ABOUT THIS TASK: Filter this data down to the lines that hold "CompositionType", and copy them.

DATA EXTRACTS:
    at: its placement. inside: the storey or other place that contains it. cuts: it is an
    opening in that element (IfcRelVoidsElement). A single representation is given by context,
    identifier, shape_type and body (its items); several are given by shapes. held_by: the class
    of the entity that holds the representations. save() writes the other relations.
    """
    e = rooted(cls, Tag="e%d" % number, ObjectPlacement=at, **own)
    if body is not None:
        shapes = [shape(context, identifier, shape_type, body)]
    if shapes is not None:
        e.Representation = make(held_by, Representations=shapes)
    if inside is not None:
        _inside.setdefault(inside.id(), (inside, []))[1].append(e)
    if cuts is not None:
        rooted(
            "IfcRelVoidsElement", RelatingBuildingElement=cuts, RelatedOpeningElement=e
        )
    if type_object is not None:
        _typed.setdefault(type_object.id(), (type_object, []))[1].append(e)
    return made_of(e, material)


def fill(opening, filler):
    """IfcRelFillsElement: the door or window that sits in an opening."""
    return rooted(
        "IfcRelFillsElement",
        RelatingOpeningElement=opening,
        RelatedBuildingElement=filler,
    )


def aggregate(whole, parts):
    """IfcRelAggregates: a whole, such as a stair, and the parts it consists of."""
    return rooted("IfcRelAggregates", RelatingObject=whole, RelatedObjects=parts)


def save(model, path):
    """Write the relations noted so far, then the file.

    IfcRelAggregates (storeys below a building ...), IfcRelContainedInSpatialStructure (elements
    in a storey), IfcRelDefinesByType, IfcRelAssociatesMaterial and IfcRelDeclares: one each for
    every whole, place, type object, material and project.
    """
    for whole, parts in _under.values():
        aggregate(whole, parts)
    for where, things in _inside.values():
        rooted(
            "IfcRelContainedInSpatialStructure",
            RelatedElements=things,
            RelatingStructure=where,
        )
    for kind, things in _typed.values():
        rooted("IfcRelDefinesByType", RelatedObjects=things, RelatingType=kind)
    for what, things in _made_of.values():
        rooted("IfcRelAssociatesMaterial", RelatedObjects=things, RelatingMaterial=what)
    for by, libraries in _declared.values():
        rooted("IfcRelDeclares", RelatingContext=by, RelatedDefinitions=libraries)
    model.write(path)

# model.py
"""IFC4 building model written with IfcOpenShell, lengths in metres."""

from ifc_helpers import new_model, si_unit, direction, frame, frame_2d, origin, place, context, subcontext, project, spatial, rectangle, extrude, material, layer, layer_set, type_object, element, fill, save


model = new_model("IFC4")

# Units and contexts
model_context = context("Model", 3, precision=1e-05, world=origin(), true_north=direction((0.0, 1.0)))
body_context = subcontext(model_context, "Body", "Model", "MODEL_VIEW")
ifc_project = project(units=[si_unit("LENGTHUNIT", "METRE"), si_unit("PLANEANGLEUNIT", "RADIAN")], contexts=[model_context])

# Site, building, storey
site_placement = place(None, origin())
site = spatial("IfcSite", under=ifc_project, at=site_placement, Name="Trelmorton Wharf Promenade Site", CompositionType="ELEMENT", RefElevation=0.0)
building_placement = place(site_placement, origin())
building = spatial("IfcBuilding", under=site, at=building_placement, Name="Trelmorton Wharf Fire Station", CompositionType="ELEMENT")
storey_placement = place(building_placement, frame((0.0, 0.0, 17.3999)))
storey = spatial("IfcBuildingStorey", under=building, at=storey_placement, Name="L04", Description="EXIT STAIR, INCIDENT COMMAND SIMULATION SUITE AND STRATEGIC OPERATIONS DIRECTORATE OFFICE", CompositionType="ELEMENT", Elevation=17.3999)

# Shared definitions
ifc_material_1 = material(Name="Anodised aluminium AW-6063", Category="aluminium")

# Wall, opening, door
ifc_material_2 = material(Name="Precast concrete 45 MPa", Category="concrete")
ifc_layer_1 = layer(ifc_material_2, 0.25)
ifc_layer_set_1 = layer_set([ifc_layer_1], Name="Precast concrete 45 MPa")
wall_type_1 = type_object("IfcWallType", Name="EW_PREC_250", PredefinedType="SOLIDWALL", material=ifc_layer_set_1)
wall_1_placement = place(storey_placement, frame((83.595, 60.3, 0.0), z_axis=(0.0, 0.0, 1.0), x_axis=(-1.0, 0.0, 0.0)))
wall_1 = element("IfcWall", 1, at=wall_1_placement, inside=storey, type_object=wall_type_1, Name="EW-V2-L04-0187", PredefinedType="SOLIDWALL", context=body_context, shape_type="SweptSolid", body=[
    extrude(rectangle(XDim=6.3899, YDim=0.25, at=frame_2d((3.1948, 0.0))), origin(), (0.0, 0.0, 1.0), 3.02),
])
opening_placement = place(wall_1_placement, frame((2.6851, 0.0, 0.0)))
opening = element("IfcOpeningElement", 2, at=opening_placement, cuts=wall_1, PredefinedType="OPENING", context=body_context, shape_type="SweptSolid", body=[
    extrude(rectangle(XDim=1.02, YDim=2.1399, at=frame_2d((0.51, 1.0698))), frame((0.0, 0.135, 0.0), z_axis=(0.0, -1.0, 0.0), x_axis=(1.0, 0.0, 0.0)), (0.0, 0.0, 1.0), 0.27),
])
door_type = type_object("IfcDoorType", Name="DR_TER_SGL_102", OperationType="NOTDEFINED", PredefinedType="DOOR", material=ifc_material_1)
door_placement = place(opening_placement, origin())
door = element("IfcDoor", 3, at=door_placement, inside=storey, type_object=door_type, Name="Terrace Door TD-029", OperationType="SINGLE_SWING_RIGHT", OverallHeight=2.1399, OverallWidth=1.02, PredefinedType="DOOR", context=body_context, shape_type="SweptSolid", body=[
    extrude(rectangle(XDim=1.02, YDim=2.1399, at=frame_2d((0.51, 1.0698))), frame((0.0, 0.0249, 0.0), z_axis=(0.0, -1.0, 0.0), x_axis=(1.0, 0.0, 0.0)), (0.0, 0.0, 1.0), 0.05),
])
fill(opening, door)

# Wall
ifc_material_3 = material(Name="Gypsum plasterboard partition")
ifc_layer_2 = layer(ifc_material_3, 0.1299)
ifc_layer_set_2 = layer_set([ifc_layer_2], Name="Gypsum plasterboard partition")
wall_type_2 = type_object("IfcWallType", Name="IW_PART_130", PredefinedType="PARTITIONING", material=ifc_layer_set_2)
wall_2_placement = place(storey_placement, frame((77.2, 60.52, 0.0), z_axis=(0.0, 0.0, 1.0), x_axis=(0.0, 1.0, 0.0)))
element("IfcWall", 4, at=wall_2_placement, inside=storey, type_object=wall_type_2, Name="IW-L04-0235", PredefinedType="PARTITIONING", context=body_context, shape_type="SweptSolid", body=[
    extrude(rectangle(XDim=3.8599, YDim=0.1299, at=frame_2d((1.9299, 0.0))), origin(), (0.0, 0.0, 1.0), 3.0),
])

TASK ANSWER:
site = spatial("IfcSite", under=ifc_project, at=site_placement, Name="Trelmorton Wharf Promenade Site", CompositionType="ELEMENT", RefElevation=0.0)
building = spatial("IfcBuilding", under=site, at=building_placement, Name="Trelmorton Wharf Fire Station", CompositionType="ELEMENT")
storey = spatial("IfcBuildingStorey", under=building, at=storey_placement, Name="L04", Description="EXIT STAIR, INCIDENT COMMAND SIMULATION SUITE AND STRATEGIC OPERATIONS DIRECTORATE OFFICE", CompositionType="ELEMENT", Elevation=17.3999)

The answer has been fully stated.